(Collected data entries)
*** Begin section ***

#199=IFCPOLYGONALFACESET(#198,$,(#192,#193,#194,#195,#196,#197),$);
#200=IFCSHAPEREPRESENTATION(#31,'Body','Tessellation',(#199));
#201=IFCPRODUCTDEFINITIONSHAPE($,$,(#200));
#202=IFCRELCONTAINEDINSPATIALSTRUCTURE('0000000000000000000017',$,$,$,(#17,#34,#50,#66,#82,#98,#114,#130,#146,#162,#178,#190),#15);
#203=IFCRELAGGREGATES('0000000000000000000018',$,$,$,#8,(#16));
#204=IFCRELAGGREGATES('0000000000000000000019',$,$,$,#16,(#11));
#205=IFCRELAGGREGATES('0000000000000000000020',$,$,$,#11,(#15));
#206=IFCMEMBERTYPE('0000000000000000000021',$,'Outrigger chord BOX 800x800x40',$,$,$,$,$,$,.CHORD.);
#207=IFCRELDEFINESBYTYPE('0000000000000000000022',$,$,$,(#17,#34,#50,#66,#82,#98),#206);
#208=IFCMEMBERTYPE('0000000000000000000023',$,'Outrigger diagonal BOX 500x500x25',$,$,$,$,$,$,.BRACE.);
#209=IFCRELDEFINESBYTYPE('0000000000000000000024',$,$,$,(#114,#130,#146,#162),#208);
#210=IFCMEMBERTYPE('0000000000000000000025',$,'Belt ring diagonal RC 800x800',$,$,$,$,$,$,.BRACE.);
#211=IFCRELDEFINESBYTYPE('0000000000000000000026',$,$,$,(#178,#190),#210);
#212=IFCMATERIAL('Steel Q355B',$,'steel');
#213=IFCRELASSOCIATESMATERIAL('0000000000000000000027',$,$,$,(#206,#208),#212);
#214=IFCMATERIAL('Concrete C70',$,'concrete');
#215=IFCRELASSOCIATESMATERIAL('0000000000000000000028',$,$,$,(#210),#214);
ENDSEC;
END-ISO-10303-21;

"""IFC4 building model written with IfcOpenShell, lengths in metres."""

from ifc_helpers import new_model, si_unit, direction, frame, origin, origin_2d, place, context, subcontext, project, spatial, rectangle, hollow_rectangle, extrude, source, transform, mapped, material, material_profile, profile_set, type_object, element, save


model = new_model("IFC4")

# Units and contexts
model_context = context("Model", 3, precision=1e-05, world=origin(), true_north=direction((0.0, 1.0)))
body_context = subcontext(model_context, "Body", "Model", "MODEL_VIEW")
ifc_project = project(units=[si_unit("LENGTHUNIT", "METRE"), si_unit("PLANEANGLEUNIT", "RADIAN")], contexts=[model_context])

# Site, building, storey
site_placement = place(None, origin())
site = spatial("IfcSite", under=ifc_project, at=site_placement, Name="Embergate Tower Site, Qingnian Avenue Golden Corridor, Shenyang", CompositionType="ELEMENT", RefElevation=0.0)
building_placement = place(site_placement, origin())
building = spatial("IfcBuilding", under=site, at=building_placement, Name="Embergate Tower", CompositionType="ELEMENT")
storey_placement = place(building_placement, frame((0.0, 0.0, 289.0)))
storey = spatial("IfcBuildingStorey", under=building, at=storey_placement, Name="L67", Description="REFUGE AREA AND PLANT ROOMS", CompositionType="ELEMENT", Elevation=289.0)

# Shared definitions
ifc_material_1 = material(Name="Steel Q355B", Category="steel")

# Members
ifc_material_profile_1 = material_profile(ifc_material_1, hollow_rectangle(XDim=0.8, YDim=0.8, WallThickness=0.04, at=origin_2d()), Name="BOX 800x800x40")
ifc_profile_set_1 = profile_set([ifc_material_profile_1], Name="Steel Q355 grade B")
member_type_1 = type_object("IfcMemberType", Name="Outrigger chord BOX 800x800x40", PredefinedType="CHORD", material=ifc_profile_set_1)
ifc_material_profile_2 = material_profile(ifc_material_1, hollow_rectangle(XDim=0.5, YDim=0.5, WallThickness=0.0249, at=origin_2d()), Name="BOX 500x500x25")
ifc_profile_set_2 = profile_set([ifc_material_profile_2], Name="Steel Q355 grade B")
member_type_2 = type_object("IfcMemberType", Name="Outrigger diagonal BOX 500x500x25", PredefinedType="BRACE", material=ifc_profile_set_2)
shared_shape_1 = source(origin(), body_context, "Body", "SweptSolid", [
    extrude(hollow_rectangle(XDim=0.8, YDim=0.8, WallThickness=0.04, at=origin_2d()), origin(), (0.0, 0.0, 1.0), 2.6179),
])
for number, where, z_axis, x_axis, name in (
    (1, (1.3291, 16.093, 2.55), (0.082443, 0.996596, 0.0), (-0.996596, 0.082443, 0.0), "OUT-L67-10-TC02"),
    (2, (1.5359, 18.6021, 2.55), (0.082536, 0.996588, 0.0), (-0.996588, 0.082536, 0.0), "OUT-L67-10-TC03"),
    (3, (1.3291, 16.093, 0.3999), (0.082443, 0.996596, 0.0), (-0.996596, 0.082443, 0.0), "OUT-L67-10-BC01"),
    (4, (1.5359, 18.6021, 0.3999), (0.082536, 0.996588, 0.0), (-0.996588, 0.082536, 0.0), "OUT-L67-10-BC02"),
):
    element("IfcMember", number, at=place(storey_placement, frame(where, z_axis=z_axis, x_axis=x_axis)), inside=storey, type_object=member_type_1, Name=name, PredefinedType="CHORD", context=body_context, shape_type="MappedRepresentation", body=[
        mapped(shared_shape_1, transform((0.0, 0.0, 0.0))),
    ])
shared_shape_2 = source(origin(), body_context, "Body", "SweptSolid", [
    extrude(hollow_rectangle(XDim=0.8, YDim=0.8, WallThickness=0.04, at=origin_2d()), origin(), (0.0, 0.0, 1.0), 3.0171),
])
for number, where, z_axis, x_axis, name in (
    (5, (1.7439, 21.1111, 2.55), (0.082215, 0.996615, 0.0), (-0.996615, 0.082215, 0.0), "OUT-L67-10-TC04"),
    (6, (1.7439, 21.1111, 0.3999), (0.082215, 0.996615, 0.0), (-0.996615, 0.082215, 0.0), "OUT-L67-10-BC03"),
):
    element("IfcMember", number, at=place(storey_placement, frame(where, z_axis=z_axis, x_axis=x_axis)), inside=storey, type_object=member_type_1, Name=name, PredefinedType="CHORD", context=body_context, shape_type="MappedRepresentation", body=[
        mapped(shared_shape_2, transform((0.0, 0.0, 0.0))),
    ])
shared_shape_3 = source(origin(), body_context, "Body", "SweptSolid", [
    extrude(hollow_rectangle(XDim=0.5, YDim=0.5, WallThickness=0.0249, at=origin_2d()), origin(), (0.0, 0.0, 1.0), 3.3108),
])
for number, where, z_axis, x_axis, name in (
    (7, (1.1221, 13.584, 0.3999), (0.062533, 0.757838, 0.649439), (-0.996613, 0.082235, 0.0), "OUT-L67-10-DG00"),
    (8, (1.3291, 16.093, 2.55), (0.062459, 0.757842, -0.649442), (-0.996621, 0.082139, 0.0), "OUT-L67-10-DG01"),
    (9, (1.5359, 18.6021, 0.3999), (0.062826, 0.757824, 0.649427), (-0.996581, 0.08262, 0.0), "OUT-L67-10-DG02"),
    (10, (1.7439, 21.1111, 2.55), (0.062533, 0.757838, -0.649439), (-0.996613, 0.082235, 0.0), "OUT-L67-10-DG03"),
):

*** End section ***

### Task prompt:
The records above should be printed exactly, please, from the first line through the line containing "building model written", with both ends kept and nothing past it.

### Response to the exercise:
#199=IFCPOLYGONALFACESET(#198,$,(#192,#193,#194,#195,#196,#197),$);
#200=IFCSHAPEREPRESENTATION(#31,'Body','Tessellation',(#199));
#201=IFCPRODUCTDEFINITIONSHAPE($,$,(#200));
#202=IFCRELCONTAINEDINSPATIALSTRUCTURE('0000000000000000000017',$,$,$,(#17,#34,#50,#66,#82,#98,#114,#130,#146,#162,#178,#190),#15);
#203=IFCRELAGGREGATES('0000000000000000000018',$,$,$,#8,(#16));
#204=IFCRELAGGREGATES('0000000000000000000019',$,$,$,#16,(#11));
#205=IFCRELAGGREGATES('0000000000000000000020',$,$,$,#11,(#15));
#206=IFCMEMBERTYPE('0000000000000000000021',$,'Outrigger chord BOX 800x800x40',$,$,$,$,$,$,.CHORD.);
#207=IFCRELDEFINESBYTYPE('0000000000000000000022',$,$,$,(#17,#34,#50,#66,#82,#98),#206);
#208=IFCMEMBERTYPE('0000000000000000000023',$,'Outrigger diagonal BOX 500x500x25',$,$,$,$,$,$,.BRACE.);
#209=IFCRELDEFINESBYTYPE('0000000000000000000024',$,$,$,(#114,#130,#146,#162),#208);
#210=IFCMEMBERTYPE('0000000000000000000025',$,'Belt ring diagonal RC 800x800',$,$,$,$,$,$,.BRACE.);
#211=IFCRELDEFINESBYTYPE('0000000000000000000026',$,$,$,(#178,#190),#210);
#212=IFCMATERIAL('Steel Q355B',$,'steel');
#213=IFCRELASSOCIATESMATERIAL('0000000000000000000027',$,$,$,(#206,#208),#212);
#214=IFCMATERIAL('Concrete C70',$,'concrete');
#215=IFCRELASSOCIATESMATERIAL('0000000000000000000028',$,$,$,(#210),#214);
ENDSEC;
END-ISO-10303-21;

"""IFC4 building model written with IfcOpenShell, lengths in metres."""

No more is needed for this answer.